─── Records to use

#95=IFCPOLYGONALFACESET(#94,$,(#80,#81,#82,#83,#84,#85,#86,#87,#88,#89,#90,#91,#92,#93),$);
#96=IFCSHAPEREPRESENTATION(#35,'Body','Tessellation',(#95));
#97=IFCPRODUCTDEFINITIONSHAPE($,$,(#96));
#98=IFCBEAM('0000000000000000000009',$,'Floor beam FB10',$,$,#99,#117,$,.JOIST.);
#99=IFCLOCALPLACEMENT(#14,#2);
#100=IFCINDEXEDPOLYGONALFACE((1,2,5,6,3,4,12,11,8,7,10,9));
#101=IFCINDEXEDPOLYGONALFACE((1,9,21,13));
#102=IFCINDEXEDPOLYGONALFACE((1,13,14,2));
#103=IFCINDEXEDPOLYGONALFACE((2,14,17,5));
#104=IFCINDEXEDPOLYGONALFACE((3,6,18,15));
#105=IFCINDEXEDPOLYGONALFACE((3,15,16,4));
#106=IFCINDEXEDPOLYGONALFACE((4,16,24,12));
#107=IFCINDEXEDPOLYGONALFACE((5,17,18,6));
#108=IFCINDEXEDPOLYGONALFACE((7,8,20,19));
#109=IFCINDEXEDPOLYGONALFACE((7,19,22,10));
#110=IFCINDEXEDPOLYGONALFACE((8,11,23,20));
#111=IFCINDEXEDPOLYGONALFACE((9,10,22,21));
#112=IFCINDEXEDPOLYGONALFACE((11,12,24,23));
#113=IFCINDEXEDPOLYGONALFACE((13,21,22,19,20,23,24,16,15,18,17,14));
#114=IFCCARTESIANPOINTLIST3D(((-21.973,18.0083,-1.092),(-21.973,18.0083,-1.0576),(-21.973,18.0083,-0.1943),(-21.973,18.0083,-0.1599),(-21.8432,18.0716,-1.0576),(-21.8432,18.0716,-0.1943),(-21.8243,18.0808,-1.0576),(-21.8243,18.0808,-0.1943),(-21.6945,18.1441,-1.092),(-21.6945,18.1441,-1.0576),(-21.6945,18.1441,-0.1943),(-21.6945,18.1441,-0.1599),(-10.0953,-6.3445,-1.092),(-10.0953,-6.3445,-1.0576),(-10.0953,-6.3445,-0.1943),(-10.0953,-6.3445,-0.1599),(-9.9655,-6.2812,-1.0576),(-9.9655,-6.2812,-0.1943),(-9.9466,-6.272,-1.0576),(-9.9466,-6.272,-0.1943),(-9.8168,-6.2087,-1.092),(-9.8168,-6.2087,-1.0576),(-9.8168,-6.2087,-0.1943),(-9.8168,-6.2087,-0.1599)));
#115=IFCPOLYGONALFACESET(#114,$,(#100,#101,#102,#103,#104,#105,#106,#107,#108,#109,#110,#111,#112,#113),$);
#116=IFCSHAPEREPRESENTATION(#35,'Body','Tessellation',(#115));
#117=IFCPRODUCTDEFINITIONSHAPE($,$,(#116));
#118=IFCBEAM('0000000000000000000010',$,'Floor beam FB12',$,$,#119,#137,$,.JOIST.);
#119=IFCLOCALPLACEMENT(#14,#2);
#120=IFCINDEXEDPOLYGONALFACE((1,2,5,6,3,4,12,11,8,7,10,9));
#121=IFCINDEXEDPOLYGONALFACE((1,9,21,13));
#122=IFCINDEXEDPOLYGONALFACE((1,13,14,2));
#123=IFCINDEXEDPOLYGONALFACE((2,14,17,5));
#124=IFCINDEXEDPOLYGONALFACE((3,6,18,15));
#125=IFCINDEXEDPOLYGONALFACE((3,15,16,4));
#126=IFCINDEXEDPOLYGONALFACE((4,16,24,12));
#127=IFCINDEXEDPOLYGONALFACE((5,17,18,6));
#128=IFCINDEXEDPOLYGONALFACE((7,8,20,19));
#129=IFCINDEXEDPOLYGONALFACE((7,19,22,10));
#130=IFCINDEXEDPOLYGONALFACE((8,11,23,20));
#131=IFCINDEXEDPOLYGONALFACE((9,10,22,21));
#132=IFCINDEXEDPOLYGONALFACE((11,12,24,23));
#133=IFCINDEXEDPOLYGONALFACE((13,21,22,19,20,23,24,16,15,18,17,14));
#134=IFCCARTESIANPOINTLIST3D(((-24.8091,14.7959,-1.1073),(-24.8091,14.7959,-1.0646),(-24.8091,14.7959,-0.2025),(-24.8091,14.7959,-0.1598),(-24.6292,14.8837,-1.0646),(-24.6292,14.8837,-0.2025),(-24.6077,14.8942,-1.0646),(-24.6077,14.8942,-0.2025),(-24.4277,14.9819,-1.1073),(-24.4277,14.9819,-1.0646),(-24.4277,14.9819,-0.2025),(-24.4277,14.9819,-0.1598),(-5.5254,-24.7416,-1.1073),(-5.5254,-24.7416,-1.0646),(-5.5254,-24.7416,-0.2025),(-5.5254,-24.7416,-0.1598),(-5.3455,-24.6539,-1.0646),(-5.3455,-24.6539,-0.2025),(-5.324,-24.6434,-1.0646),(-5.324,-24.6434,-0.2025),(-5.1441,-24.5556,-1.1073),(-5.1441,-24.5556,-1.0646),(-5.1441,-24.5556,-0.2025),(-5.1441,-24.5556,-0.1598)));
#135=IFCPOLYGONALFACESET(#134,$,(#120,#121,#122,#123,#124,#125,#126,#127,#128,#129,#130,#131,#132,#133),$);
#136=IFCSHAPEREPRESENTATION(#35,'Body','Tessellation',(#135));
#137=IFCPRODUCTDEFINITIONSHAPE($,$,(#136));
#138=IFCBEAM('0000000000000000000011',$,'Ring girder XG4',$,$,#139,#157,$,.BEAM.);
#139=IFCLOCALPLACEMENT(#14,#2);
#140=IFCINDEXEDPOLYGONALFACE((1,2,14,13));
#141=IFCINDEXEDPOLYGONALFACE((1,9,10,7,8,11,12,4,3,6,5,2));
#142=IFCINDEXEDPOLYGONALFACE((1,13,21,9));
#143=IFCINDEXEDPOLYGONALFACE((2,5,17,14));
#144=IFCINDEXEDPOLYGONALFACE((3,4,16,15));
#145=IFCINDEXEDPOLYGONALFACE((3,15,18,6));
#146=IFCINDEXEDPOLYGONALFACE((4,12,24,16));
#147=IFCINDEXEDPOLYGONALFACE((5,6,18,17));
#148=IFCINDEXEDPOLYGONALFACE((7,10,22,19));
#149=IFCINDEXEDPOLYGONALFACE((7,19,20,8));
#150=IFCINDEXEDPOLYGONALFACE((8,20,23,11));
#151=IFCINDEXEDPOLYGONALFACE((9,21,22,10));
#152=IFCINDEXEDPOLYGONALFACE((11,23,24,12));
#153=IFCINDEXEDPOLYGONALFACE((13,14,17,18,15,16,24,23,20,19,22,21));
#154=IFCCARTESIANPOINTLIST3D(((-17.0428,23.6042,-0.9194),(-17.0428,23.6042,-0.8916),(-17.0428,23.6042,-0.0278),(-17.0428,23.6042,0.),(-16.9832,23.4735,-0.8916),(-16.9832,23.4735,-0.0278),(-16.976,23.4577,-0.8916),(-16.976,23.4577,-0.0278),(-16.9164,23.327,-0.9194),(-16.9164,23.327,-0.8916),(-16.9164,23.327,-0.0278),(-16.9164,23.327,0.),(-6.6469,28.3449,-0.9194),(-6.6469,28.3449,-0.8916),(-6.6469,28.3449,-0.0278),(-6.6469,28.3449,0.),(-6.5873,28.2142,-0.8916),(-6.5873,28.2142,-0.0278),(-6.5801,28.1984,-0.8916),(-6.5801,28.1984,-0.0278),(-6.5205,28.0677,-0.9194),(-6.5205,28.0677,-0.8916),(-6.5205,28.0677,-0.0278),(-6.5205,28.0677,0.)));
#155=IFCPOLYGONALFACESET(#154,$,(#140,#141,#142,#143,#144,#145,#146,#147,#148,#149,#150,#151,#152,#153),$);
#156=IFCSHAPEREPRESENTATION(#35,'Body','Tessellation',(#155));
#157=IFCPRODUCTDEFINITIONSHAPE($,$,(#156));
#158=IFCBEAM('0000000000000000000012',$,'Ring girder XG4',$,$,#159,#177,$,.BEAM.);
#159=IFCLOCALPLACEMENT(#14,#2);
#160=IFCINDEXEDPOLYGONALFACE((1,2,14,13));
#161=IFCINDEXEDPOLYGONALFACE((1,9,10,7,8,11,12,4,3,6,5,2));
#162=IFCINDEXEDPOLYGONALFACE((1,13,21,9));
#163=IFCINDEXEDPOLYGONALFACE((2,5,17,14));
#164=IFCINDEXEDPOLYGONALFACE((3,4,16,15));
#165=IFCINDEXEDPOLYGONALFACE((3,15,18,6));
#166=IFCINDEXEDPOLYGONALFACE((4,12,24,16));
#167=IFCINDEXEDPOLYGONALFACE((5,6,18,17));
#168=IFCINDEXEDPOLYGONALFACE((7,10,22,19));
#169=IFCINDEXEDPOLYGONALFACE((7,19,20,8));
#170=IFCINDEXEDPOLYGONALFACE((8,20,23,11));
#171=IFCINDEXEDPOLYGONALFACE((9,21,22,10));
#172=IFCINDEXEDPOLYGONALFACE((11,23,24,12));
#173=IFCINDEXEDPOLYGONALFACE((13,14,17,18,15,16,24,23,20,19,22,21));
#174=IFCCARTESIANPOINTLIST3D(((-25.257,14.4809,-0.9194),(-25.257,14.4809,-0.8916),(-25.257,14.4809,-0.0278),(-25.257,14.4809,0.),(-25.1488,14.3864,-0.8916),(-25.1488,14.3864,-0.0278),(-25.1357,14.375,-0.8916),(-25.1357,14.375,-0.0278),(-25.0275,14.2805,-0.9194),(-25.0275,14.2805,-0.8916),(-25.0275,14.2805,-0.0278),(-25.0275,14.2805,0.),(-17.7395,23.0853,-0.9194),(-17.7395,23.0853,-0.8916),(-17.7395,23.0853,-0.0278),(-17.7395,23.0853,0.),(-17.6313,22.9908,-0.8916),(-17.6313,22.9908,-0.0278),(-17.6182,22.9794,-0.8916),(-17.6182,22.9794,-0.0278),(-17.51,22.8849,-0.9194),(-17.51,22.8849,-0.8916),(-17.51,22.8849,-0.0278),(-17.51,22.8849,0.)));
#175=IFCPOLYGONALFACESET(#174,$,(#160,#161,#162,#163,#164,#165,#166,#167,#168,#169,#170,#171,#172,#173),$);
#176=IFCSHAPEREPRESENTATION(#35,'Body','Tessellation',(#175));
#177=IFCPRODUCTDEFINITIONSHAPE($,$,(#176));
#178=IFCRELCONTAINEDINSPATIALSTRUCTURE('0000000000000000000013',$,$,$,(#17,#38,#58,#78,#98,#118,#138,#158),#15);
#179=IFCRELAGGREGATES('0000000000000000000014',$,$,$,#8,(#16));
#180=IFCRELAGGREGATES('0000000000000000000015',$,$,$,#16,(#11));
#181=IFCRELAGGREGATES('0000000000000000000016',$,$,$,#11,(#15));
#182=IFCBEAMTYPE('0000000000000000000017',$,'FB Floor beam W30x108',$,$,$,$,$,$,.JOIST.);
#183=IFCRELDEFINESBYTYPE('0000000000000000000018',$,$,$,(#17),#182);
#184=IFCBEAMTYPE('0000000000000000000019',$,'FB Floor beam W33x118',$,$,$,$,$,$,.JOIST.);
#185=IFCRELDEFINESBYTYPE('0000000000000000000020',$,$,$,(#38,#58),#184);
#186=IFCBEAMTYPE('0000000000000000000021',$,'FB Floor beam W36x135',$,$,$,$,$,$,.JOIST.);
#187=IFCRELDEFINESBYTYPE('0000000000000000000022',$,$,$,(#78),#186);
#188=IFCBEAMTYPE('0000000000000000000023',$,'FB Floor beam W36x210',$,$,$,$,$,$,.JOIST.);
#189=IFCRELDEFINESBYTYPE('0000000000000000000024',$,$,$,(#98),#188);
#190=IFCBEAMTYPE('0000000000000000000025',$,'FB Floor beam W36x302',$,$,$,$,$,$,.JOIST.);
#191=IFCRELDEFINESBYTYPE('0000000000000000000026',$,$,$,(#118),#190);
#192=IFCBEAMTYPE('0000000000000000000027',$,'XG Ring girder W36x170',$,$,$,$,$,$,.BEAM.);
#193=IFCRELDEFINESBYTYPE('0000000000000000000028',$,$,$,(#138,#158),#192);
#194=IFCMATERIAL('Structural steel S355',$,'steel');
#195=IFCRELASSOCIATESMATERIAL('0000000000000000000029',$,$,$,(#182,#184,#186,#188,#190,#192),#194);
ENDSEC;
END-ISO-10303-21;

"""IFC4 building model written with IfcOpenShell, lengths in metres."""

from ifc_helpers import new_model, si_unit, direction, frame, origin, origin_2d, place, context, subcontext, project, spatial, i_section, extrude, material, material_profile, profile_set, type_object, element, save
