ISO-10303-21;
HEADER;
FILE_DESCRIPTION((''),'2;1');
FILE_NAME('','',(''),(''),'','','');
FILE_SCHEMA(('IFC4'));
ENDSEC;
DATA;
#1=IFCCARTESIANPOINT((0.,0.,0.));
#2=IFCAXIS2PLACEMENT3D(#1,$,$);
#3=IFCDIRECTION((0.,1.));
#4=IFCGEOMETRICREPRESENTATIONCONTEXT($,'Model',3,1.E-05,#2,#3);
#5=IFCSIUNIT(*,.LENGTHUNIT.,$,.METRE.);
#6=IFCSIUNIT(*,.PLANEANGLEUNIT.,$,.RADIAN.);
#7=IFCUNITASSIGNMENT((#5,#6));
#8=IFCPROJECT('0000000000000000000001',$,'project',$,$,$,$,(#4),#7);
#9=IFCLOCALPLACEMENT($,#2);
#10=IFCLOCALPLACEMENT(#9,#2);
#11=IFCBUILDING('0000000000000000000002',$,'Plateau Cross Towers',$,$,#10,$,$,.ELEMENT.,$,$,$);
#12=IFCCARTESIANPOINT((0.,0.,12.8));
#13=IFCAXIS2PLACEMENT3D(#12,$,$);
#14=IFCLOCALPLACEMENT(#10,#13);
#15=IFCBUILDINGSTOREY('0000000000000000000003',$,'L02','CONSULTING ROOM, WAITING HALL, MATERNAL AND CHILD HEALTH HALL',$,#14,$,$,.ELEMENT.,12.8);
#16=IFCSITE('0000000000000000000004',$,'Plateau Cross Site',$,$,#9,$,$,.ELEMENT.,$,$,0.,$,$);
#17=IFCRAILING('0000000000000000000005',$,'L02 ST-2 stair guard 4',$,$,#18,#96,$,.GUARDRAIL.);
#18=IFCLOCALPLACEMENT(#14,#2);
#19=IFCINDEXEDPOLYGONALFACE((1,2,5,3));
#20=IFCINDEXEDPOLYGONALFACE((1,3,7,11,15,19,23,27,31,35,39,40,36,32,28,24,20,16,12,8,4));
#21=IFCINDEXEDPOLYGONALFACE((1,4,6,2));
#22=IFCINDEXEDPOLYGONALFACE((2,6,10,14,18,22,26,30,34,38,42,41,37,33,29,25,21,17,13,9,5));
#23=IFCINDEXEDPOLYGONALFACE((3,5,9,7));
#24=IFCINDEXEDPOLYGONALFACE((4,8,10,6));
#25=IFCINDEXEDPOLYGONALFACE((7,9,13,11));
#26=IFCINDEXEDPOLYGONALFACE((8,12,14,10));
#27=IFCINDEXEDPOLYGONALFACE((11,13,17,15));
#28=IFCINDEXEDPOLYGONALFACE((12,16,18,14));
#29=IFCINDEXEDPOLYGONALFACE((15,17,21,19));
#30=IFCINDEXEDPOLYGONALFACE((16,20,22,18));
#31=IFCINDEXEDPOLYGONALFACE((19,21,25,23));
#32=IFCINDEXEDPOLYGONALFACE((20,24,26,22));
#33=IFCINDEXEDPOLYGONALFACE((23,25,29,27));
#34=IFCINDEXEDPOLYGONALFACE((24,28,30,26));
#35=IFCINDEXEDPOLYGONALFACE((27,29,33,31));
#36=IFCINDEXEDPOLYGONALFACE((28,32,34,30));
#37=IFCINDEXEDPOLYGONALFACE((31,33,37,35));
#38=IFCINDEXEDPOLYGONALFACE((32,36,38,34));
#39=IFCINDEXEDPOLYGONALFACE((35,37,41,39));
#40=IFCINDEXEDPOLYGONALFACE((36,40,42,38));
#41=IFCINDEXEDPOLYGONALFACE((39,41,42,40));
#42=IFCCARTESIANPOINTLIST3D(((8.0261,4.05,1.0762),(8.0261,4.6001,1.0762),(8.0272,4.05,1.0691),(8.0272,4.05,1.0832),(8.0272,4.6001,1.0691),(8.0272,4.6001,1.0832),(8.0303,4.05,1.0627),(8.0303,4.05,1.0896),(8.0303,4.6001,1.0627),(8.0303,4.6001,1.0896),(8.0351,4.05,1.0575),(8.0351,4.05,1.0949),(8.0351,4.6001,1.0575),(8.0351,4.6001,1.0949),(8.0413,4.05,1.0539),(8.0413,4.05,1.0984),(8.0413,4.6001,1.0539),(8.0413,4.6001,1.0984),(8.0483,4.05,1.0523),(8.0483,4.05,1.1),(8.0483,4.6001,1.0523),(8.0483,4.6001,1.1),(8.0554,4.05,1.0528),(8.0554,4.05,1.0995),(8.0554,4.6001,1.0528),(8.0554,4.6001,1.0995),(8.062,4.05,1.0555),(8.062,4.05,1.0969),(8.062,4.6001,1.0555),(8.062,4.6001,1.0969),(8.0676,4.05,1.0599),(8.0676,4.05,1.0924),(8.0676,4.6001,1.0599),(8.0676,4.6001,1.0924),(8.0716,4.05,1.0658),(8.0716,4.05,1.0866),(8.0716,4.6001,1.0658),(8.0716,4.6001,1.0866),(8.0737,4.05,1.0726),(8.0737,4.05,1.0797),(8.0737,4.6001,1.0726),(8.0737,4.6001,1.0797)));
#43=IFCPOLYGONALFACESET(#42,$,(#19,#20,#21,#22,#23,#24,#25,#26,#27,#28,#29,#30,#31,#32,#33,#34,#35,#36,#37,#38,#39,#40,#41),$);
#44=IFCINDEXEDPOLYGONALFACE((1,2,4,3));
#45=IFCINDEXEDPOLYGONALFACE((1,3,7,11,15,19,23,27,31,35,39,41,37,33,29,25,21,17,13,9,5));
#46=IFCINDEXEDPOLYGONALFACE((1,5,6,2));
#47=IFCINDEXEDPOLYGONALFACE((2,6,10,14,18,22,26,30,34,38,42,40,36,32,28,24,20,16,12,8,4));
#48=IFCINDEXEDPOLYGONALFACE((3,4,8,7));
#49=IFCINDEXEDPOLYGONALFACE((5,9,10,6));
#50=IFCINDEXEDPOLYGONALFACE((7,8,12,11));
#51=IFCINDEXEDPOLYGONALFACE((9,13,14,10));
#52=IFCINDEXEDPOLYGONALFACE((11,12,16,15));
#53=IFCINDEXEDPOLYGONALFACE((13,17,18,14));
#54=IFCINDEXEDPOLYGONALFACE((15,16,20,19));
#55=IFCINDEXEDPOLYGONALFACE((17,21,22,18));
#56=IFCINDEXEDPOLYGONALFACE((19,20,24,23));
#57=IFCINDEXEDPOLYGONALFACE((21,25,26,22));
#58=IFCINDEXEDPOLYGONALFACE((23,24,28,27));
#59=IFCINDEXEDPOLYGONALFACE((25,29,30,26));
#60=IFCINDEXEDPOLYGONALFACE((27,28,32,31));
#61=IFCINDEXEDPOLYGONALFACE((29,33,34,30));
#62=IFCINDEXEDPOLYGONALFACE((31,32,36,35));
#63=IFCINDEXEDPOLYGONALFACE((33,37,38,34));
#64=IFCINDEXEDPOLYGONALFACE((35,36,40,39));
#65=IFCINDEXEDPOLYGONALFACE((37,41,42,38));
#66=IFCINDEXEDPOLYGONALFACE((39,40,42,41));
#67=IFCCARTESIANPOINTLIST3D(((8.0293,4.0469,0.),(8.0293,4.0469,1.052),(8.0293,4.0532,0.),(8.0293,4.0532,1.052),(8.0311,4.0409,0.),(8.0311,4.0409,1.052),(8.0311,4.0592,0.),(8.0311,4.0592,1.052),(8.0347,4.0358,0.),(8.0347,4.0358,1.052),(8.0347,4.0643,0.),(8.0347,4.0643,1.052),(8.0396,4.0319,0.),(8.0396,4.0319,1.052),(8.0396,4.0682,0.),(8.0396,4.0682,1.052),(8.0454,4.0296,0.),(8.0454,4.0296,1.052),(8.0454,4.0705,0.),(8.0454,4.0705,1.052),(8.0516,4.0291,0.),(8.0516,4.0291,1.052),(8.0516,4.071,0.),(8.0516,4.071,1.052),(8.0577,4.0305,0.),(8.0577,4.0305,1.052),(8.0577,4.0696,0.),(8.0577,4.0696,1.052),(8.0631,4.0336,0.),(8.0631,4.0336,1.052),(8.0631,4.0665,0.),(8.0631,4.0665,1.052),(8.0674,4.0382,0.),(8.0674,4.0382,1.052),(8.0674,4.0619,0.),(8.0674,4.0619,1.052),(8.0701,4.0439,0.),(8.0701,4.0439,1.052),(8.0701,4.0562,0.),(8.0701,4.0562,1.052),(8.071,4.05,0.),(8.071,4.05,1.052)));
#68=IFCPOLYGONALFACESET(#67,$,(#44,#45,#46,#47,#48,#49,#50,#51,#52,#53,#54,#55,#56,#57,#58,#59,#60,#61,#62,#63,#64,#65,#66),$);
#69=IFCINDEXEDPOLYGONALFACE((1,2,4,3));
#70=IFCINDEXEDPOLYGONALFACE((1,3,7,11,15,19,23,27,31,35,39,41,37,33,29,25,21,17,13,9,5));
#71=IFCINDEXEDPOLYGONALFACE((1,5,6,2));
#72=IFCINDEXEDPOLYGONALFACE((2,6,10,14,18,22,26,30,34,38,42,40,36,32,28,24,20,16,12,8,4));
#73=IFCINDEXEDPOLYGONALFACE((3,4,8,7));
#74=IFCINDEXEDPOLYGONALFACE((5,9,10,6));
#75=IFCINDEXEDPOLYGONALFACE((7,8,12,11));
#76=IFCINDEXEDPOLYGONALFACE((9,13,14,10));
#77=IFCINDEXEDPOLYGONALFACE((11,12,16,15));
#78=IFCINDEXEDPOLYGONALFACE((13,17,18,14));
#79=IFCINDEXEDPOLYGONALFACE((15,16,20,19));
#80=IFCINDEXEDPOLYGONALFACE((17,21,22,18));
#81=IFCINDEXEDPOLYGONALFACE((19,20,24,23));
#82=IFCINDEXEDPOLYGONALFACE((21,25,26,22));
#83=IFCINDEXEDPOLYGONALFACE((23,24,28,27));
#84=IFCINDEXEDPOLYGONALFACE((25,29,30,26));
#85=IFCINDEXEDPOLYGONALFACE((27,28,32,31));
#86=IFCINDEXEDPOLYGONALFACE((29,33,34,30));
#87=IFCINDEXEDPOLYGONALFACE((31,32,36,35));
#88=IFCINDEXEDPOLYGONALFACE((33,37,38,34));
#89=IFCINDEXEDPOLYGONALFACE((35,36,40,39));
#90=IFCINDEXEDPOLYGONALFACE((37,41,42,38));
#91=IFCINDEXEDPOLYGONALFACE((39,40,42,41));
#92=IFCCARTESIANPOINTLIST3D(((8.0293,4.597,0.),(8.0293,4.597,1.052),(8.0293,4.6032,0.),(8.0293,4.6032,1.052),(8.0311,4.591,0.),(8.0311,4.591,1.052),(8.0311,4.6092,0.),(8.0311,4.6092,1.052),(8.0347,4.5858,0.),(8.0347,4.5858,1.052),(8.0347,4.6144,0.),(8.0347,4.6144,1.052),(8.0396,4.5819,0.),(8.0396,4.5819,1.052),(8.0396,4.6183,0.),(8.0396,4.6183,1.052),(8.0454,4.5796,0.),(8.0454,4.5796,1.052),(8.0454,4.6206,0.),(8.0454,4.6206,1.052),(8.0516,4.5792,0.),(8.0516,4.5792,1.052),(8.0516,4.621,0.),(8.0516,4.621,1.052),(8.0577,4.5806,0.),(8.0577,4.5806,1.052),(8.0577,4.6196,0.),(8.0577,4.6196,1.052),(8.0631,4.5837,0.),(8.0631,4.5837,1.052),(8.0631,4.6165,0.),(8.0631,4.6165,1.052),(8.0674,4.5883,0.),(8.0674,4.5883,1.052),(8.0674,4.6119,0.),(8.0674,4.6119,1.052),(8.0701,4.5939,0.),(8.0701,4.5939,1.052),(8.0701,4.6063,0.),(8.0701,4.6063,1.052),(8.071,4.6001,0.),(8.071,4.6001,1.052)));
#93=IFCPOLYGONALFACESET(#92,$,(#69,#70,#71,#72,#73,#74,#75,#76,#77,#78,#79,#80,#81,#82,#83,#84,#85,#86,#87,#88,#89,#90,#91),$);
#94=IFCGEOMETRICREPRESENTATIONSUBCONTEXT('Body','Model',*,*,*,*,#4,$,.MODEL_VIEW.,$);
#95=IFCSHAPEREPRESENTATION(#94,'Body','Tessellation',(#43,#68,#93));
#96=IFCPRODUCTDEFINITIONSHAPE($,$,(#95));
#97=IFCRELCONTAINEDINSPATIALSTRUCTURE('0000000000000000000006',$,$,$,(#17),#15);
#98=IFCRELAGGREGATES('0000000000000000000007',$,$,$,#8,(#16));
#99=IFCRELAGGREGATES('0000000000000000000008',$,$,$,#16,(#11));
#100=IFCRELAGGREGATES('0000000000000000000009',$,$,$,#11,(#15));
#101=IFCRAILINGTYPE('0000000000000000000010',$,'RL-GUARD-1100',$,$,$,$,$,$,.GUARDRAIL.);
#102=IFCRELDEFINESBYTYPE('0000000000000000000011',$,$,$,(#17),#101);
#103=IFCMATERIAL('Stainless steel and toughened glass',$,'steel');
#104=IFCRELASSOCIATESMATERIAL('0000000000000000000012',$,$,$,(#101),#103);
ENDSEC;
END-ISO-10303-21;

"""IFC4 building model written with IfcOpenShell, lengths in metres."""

from ifc_helpers import new_model, si_unit, direction, frame, origin, origin_2d, place, context, subcontext, project, spatial, circle, extrude, material, type_object, element, save


model = new_model("IFC4")

# Units and contexts
model_context = context("Model", 3, precision=1e-05, world=origin(), true_north=direction((0.0, 1.0)))
body_context = subcontext(model_context, "Body", "Model", "MODEL_VIEW")
ifc_project = project(units=[si_unit("LENGTHUNIT", "METRE"), si_unit("PLANEANGLEUNIT", "RADIAN")], contexts=[model_context])

# Site, building, storey
site_placement = place(None, origin())
site = spatial("IfcSite", under=ifc_project, at=site_placement, Name="Plateau Cross Site", CompositionType="ELEMENT", RefElevation=0.0)
building_placement = place(site_placement, origin())
building = spatial("IfcBuilding", under=site, at=building_placement, Name="Plateau Cross Towers", CompositionType="ELEMENT")
storey_placement = place(building_placement, frame((0.0, 0.0, 12.8)))
storey = spatial("IfcBuildingStorey", under=building, at=storey_placement, Name="L02", Description="CONSULTING ROOM, WAITING HALL, MATERNAL AND CHILD HEALTH HALL", CompositionType="ELEMENT", Elevation=12.8)

# Railing
ifc_material_1 = material(Name="Stainless steel and toughened glass", Category="steel")
railing_type_1 = type_object("IfcRailingType", Name="RL-GUARD-1100", PredefinedType="GUARDRAIL", material=ifc_material_1)
railing_1_placement = place(storey_placement, frame((8.05, 4.05, 0.0)))
element("IfcRailing", 1, at=railing_1_placement, inside=storey, type_object=railing_type_1, Name="L02 ST-2 stair guard 4", PredefinedType="GUARDRAIL", context=body_context, shape_type="SweptSolid", body=[
    extrude(circle(Radius=0.0239, at=origin_2d()), frame((0.0, 0.0, 1.0762), z_axis=(0.0, 1.0, 0.0), x_axis=(-1.0, 0.0, 0.0)), (0.0, 0.0, 1.0), 0.55),
    extrude(circle(Radius=0.021, at=origin_2d()), origin(), (0.0, 0.0, 1.0), 1.052),
    extrude(circle(Radius=0.021, at=origin_2d()), frame((0.0, 0.55, 0.0)), (0.0, 0.0, 1.0), 1.052),
])

save(model, "model.ifc")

──────

**Instructions for the task**
All that is needed is the exact run of lines above from the line containing "#28=IFCINDEXEDPOLYGONALFACE((12,16,18,14));" through the line containing "#41=IFCINDEXEDPOLYGONALFACE((39,41,42,40));", both of them included.

**Result**
#28=IFCINDEXEDPOLYGONALFACE((12,16,18,14));
#29=IFCINDEXEDPOLYGONALFACE((15,17,21,19));
#30=IFCINDEXEDPOLYGONALFACE((16,20,22,18));
#31=IFCINDEXEDPOLYGONALFACE((19,21,25,23));
#32=IFCINDEXEDPOLYGONALFACE((20,24,26,22));
#33=IFCINDEXEDPOLYGONALFACE((23,25,29,27));
#34=IFCINDEXEDPOLYGONALFACE((24,28,30,26));
#35=IFCINDEXEDPOLYGONALFACE((27,29,33,31));
#36=IFCINDEXEDPOLYGONALFACE((28,32,34,30));
#37=IFCINDEXEDPOLYGONALFACE((31,33,37,35));
#38=IFCINDEXEDPOLYGONALFACE((32,36,38,34));
#39=IFCINDEXEDPOLYGONALFACE((35,37,41,39));
#40=IFCINDEXEDPOLYGONALFACE((36,40,42,38));
#41=IFCINDEXEDPOLYGONALFACE((39,41,42,40));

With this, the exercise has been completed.